▸ WORK TO COMPLETE:
Set down word for word the lines that begin the entries and run through the line containing "#141=IFCINDEXEDPOLYGONALFACE((109,111,112,110));". Give nothing further.

Saved data entries:
════════════════

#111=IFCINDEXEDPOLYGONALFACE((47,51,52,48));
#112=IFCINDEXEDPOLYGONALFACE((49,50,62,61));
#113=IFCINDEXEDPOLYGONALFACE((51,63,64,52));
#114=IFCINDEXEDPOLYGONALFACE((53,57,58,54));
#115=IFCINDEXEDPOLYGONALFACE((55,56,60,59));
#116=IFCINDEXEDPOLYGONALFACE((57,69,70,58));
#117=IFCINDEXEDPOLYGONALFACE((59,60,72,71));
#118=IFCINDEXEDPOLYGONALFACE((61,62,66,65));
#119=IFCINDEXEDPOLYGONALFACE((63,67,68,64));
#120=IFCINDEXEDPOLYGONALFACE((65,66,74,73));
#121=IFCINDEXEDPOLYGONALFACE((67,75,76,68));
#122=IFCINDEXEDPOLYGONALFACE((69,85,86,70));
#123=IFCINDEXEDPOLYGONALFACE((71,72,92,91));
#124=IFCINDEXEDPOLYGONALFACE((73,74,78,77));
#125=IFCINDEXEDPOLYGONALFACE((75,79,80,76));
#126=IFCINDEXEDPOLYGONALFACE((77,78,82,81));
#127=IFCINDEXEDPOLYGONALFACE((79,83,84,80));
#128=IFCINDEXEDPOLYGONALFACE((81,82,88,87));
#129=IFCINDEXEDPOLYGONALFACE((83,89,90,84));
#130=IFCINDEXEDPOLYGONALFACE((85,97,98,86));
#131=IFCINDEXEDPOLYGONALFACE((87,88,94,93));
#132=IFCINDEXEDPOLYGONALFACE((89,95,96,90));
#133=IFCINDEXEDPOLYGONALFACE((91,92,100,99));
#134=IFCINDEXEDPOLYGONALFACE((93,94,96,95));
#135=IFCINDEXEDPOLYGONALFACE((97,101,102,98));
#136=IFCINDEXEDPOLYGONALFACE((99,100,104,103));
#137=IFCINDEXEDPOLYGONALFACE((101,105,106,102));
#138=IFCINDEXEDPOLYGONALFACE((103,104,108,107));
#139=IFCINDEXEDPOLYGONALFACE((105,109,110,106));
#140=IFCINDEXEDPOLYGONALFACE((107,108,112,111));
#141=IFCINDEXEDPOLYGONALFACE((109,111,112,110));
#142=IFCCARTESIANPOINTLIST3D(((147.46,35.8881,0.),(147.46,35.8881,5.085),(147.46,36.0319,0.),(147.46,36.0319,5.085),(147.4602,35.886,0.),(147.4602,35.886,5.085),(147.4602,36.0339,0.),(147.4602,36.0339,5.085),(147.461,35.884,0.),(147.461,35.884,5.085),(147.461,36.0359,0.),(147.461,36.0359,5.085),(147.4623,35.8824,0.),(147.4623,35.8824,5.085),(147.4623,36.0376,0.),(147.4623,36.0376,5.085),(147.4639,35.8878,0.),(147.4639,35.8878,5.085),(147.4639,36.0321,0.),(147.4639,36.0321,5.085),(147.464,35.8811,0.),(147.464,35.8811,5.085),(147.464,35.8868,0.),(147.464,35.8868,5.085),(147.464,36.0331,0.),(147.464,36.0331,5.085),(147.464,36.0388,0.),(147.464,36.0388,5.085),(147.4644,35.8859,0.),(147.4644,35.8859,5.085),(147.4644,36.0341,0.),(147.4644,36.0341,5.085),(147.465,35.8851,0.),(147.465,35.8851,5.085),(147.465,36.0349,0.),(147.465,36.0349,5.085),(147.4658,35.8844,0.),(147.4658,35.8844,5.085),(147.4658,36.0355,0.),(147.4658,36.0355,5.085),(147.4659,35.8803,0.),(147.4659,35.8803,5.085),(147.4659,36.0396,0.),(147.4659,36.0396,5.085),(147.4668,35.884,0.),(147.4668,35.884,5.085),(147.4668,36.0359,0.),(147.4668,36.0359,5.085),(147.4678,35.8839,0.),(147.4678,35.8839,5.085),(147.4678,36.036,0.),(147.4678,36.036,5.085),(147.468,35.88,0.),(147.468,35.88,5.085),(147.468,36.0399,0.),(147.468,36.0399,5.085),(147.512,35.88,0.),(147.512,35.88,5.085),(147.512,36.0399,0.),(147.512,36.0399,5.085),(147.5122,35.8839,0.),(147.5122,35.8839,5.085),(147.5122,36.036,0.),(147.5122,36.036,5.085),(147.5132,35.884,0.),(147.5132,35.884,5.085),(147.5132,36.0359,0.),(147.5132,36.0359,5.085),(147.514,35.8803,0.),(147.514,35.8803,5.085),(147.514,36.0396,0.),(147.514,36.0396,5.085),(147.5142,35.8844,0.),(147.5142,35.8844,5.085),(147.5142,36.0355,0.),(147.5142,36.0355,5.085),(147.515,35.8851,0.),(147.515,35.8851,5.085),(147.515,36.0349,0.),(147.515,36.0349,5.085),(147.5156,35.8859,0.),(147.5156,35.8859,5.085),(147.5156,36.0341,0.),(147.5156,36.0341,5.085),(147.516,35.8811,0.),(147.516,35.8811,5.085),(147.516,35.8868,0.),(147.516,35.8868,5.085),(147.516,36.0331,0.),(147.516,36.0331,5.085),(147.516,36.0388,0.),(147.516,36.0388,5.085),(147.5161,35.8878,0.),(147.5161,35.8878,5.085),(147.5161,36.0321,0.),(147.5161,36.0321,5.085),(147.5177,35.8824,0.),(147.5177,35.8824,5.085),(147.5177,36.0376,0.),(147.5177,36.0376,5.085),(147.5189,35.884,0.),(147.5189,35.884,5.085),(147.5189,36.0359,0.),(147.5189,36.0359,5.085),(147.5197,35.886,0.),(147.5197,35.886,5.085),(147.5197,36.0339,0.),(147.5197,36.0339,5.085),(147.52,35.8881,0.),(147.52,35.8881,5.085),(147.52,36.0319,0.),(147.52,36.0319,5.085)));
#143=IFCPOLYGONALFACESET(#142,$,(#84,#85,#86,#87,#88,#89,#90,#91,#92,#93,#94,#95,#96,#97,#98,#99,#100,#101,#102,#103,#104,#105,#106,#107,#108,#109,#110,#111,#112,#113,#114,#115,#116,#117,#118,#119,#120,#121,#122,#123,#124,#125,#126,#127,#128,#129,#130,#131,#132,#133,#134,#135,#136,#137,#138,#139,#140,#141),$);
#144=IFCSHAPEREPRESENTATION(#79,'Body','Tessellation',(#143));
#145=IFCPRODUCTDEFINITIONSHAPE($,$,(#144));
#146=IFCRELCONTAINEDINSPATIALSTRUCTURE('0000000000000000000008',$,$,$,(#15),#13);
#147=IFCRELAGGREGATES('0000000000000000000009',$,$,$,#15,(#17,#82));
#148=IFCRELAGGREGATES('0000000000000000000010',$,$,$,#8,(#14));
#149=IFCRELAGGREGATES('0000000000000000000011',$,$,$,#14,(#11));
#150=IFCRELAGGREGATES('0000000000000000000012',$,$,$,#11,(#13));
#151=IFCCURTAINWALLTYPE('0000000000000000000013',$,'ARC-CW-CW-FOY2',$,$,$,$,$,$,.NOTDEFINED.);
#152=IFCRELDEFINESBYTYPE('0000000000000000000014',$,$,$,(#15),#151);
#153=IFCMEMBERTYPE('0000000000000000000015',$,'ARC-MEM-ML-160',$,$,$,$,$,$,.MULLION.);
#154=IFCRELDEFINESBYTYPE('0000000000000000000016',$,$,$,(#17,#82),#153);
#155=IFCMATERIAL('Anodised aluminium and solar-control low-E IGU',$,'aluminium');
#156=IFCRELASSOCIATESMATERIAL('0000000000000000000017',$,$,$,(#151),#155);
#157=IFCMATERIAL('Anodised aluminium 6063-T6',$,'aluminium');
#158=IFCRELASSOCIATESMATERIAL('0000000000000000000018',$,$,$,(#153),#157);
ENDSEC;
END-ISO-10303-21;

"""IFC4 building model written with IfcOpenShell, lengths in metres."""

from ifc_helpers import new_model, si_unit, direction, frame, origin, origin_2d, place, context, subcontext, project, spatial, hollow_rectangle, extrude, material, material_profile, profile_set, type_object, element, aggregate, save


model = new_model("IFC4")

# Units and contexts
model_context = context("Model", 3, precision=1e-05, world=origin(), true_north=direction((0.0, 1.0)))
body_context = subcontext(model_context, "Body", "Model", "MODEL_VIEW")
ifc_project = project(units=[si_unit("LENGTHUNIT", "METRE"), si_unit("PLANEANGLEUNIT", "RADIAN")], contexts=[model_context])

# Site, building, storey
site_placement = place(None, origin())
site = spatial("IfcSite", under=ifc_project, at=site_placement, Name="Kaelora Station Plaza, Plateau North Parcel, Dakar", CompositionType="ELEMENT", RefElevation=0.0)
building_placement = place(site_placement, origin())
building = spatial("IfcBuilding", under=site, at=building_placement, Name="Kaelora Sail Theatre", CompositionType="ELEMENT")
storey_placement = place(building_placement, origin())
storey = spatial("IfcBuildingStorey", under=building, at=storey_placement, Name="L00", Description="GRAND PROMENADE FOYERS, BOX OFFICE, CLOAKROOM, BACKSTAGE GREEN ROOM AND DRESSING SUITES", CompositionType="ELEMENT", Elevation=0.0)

════════════════

▸ REPLY TO THE TASK:
#111=IFCINDEXEDPOLYGONALFACE((47,51,52,48));
#112=IFCINDEXEDPOLYGONALFACE((49,50,62,61));
#113=IFCINDEXEDPOLYGONALFACE((51,63,64,52));
#114=IFCINDEXEDPOLYGONALFACE((53,57,58,54));
#115=IFCINDEXEDPOLYGONALFACE((55,56,60,59));
#116=IFCINDEXEDPOLYGONALFACE((57,69,70,58));
#117=IFCINDEXEDPOLYGONALFACE((59,60,72,71));
#118=IFCINDEXEDPOLYGONALFACE((61,62,66,65));
#119=IFCINDEXEDPOLYGONALFACE((63,67,68,64));
#120=IFCINDEXEDPOLYGONALFACE((65,66,74,73));
#121=IFCINDEXEDPOLYGONALFACE((67,75,76,68));
#122=IFCINDEXEDPOLYGONALFACE((69,85,86,70));
#123=IFCINDEXEDPOLYGONALFACE((71,72,92,91));
#124=IFCINDEXEDPOLYGONALFACE((73,74,78,77));
#125=IFCINDEXEDPOLYGONALFACE((75,79,80,76));
#126=IFCINDEXEDPOLYGONALFACE((77,78,82,81));
#127=IFCINDEXEDPOLYGONALFACE((79,83,84,80));
#128=IFCINDEXEDPOLYGONALFACE((81,82,88,87));
#129=IFCINDEXEDPOLYGONALFACE((83,89,90,84));
#130=IFCINDEXEDPOLYGONALFACE((85,97,98,86));
#131=IFCINDEXEDPOLYGONALFACE((87,88,94,93));
#132=IFCINDEXEDPOLYGONALFACE((89,95,96,90));
#133=IFCINDEXEDPOLYGONALFACE((91,92,100,99));
#134=IFCINDEXEDPOLYGONALFACE((93,94,96,95));
#135=IFCINDEXEDPOLYGONALFACE((97,101,102,98));
#136=IFCINDEXEDPOLYGONALFACE((99,100,104,103));
#137=IFCINDEXEDPOLYGONALFACE((101,105,106,102));
#138=IFCINDEXEDPOLYGONALFACE((103,104,108,107));
#139=IFCINDEXEDPOLYGONALFACE((105,109,110,106));
#140=IFCINDEXEDPOLYGONALFACE((107,108,112,111));
#141=IFCINDEXEDPOLYGONALFACE((109,111,112,110));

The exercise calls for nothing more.